→ WORK ITEM
What you need to produce from the material below is an exact transcription of the lines from the one with "#158=IFCINDEXEDPOLYGONALFACE((1,37,38,2));" through the one with "#172=IFCINDEXEDPOLYGONALFACE((14,16,52,50));", both included, and no other line.

→ INPUT RECORDS
• • • • •

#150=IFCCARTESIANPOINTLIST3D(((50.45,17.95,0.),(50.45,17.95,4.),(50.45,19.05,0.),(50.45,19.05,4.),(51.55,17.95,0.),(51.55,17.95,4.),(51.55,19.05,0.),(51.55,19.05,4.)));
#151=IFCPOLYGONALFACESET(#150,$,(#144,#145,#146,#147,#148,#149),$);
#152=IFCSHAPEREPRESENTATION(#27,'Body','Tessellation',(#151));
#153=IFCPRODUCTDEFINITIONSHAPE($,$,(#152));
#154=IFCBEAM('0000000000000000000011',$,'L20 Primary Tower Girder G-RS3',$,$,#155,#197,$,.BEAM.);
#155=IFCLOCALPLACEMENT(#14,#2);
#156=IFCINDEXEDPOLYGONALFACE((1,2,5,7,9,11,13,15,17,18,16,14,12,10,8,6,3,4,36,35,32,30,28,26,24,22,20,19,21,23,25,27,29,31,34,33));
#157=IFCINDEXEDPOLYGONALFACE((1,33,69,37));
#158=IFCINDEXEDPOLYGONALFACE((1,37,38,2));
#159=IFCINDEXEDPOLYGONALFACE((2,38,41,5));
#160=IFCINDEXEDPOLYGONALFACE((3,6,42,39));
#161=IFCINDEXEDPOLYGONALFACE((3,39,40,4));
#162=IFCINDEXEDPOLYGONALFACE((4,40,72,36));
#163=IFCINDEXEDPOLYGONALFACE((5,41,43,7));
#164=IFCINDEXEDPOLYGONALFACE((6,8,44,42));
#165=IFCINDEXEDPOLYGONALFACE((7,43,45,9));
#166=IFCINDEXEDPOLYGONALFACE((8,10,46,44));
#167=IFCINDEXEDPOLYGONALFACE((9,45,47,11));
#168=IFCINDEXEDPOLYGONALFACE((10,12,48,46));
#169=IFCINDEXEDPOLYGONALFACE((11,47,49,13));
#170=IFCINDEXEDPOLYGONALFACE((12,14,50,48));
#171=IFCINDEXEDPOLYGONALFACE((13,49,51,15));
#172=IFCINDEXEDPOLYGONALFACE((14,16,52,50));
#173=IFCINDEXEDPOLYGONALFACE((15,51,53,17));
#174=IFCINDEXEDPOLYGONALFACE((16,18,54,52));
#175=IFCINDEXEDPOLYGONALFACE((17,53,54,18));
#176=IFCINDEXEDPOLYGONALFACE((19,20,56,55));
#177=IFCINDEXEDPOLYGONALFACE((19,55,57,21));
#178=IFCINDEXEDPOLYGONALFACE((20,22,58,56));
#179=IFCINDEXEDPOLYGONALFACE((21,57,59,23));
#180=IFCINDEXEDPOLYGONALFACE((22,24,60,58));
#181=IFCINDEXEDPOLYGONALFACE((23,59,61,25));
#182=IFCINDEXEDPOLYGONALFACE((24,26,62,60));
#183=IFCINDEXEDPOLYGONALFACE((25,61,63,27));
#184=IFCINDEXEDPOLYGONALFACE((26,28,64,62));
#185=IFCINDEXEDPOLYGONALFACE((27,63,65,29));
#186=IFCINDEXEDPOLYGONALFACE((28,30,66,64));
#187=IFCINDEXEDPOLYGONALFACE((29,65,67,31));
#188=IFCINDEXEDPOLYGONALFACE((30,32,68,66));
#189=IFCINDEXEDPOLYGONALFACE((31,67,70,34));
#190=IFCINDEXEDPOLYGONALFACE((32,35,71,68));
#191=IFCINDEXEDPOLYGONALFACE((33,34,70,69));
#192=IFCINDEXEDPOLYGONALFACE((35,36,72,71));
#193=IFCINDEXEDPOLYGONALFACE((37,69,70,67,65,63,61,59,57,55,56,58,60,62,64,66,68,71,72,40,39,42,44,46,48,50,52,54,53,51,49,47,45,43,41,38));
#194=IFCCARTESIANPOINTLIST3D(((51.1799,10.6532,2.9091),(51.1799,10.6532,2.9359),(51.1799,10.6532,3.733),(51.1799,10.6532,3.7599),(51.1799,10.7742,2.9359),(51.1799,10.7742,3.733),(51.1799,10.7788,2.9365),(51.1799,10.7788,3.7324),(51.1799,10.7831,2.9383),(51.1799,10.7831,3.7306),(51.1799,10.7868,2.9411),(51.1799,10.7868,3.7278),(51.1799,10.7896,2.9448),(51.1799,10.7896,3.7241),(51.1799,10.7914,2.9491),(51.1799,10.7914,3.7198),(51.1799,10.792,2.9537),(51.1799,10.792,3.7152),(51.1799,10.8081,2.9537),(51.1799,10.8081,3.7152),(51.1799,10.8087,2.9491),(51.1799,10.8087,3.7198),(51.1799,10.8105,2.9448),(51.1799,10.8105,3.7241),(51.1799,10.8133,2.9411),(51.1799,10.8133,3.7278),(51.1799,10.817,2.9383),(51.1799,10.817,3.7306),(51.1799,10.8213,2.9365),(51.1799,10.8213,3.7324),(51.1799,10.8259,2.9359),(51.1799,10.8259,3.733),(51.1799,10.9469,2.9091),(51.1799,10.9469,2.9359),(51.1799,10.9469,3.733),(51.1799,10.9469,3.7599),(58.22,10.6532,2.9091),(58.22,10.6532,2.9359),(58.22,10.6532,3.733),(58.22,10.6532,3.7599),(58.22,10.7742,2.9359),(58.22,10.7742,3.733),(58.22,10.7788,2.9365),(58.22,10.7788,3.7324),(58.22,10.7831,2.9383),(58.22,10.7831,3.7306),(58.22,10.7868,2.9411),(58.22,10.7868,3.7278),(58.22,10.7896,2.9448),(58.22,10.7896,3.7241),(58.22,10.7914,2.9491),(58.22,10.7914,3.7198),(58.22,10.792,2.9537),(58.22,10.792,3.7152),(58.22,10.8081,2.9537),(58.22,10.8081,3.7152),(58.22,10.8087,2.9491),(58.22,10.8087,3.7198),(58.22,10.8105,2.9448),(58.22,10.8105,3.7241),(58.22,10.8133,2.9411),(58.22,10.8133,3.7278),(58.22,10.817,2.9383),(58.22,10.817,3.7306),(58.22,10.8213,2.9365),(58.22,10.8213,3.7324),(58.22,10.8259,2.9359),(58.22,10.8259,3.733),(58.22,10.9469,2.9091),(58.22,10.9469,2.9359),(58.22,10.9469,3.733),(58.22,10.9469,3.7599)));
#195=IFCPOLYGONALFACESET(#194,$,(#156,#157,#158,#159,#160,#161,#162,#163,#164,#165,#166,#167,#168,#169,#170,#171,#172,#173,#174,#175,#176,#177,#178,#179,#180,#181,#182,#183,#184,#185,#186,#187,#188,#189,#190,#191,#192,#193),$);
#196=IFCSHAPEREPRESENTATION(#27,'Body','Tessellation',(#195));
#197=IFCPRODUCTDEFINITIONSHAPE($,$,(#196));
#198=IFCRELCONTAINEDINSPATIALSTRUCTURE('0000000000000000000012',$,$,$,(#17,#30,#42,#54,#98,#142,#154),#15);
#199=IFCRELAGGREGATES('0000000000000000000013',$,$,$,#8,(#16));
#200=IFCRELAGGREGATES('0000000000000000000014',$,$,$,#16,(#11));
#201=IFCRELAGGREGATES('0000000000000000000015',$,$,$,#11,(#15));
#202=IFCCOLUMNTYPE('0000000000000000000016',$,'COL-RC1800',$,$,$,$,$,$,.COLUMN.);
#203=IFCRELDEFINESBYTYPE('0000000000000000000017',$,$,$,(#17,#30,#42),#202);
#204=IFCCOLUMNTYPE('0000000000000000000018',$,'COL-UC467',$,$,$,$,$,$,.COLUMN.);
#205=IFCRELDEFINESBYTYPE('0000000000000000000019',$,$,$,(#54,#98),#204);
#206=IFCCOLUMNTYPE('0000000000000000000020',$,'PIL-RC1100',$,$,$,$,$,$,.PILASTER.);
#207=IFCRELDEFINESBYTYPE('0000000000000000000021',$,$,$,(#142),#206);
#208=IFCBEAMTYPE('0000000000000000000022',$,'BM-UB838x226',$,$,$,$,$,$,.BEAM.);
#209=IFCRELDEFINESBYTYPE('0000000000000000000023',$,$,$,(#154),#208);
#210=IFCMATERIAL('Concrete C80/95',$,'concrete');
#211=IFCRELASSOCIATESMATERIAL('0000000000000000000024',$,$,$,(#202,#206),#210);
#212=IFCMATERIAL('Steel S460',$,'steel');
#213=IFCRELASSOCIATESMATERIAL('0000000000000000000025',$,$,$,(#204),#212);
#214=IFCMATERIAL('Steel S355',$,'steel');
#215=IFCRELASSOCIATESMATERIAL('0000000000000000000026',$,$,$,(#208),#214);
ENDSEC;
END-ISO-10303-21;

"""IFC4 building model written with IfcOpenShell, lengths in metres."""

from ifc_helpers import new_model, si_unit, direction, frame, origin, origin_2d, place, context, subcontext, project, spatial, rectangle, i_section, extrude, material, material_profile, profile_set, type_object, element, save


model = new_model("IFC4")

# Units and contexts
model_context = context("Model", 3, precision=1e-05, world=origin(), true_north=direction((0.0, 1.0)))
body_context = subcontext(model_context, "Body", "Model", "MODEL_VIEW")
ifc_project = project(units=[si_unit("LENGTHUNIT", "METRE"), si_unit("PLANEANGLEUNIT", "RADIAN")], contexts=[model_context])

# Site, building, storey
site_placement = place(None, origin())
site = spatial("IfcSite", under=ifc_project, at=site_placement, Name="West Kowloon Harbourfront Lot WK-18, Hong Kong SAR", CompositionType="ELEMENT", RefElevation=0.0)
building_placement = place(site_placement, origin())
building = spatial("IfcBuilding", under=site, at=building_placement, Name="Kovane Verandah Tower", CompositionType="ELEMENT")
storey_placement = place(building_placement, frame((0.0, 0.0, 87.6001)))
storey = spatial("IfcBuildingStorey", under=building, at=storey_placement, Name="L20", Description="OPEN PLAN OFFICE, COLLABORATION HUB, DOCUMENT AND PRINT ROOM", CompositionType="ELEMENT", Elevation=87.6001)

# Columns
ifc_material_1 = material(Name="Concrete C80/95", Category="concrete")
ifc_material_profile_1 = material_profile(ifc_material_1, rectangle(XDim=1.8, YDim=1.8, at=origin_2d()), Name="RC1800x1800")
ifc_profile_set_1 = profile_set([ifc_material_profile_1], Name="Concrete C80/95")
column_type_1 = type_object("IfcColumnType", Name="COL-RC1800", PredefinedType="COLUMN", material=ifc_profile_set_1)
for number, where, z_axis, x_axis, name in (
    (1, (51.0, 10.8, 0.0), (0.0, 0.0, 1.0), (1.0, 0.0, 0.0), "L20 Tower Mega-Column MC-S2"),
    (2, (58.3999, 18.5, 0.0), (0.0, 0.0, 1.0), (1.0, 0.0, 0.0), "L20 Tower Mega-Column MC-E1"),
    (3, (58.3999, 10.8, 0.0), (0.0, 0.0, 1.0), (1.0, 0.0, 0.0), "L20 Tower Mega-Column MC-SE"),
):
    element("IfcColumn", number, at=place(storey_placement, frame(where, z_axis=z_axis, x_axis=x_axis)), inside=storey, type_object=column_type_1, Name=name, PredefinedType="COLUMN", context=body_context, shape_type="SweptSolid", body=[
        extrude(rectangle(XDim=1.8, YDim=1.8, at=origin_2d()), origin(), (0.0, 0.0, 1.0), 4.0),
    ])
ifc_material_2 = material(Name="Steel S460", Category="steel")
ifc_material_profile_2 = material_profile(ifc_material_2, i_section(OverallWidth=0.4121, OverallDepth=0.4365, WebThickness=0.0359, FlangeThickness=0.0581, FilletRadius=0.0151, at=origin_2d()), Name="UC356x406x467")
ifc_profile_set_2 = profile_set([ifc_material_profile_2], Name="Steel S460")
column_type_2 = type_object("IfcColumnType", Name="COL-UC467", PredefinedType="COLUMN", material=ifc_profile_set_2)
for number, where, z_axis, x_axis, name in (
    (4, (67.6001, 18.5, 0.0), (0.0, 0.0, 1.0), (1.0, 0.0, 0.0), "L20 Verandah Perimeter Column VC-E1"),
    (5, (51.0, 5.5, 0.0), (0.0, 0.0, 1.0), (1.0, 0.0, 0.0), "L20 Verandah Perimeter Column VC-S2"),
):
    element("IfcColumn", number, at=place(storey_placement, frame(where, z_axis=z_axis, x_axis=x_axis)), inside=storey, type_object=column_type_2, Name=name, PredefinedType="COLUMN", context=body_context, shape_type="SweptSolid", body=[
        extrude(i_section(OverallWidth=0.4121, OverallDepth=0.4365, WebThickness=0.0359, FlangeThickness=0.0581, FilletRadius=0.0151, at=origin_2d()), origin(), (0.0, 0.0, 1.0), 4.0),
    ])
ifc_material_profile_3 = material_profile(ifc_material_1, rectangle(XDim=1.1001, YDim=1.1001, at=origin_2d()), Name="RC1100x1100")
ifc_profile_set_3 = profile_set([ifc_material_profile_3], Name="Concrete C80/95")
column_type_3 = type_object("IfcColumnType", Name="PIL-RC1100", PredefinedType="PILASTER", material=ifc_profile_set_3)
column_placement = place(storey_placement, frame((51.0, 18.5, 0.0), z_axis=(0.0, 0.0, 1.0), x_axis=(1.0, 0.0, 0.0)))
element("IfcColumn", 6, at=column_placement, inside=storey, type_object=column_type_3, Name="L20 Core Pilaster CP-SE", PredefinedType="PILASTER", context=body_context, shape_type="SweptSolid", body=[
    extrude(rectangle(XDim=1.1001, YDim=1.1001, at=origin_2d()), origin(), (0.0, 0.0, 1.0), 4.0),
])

• • • • •

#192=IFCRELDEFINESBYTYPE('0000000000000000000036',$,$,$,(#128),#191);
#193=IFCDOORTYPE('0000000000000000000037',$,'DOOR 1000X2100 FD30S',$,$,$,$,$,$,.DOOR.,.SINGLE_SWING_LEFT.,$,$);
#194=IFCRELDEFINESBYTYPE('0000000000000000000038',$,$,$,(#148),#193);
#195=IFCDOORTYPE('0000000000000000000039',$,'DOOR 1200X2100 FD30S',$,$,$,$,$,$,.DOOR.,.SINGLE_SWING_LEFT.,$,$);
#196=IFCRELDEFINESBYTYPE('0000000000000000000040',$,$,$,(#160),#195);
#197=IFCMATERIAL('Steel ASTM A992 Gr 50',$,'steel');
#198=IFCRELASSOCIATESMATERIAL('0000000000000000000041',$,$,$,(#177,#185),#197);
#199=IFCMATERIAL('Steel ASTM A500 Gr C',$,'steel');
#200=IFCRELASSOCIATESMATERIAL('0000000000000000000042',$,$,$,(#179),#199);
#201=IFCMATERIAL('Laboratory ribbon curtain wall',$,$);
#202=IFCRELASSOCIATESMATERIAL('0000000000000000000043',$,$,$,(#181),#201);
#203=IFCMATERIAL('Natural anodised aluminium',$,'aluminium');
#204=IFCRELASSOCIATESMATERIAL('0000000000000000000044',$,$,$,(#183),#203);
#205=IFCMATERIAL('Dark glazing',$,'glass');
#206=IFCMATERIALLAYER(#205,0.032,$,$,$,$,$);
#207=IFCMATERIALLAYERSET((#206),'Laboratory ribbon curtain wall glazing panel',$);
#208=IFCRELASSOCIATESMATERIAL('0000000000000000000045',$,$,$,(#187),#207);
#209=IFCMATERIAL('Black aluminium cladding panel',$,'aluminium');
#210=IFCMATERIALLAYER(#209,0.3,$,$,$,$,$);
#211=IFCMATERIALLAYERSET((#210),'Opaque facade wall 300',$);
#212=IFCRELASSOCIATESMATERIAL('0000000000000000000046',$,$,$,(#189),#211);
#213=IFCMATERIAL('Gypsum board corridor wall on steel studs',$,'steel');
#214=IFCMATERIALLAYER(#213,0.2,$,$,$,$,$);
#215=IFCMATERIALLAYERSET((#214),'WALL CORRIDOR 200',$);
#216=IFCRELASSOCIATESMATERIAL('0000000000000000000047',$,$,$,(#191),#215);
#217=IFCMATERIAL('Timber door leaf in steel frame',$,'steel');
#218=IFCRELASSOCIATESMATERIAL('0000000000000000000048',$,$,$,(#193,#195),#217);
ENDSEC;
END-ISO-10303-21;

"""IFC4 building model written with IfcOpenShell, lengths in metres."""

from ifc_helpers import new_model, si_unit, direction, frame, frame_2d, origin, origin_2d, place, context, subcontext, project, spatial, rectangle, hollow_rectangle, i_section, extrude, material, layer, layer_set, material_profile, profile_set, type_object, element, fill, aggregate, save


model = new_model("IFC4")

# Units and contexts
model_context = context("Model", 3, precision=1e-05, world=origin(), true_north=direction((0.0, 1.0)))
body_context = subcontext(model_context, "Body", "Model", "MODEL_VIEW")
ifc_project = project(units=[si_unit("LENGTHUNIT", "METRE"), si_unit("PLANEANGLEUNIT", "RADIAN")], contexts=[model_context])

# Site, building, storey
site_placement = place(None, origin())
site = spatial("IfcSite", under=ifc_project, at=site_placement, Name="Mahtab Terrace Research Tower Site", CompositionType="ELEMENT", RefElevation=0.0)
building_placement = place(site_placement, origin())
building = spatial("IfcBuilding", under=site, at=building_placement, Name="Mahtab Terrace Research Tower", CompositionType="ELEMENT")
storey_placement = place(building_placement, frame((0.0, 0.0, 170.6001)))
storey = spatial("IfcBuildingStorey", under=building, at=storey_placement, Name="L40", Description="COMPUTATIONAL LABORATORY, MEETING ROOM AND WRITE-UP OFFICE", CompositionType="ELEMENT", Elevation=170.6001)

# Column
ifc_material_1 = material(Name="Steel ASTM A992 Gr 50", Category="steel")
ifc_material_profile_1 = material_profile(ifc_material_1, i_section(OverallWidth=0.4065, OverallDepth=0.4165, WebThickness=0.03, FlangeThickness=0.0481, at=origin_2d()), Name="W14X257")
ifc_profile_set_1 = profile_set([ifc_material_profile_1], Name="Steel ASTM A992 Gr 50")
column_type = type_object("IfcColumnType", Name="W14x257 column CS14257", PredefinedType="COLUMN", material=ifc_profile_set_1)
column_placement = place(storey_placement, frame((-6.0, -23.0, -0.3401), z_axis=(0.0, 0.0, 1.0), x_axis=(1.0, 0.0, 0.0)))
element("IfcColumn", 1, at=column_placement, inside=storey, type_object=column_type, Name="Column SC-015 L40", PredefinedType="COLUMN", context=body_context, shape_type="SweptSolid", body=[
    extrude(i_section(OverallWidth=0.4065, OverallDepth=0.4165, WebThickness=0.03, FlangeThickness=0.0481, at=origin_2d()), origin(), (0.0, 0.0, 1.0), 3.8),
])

• • • • •

→ WRITTEN ANSWER
#158=IFCINDEXEDPOLYGONALFACE((1,37,38,2));
#159=IFCINDEXEDPOLYGONALFACE((2,38,41,5));
#160=IFCINDEXEDPOLYGONALFACE((3,6,42,39));
#161=IFCINDEXEDPOLYGONALFACE((3,39,40,4));
#162=IFCINDEXEDPOLYGONALFACE((4,40,72,36));
#163=IFCINDEXEDPOLYGONALFACE((5,41,43,7));
#164=IFCINDEXEDPOLYGONALFACE((6,8,44,42));
#165=IFCINDEXEDPOLYGONALFACE((7,43,45,9));
#166=IFCINDEXEDPOLYGONALFACE((8,10,46,44));
#167=IFCINDEXEDPOLYGONALFACE((9,45,47,11));
#168=IFCINDEXEDPOLYGONALFACE((10,12,48,46));
#169=IFCINDEXEDPOLYGONALFACE((11,47,49,13));
#170=IFCINDEXEDPOLYGONALFACE((12,14,50,48));
#171=IFCINDEXEDPOLYGONALFACE((13,49,51,15));
#172=IFCINDEXEDPOLYGONALFACE((14,16,52,50));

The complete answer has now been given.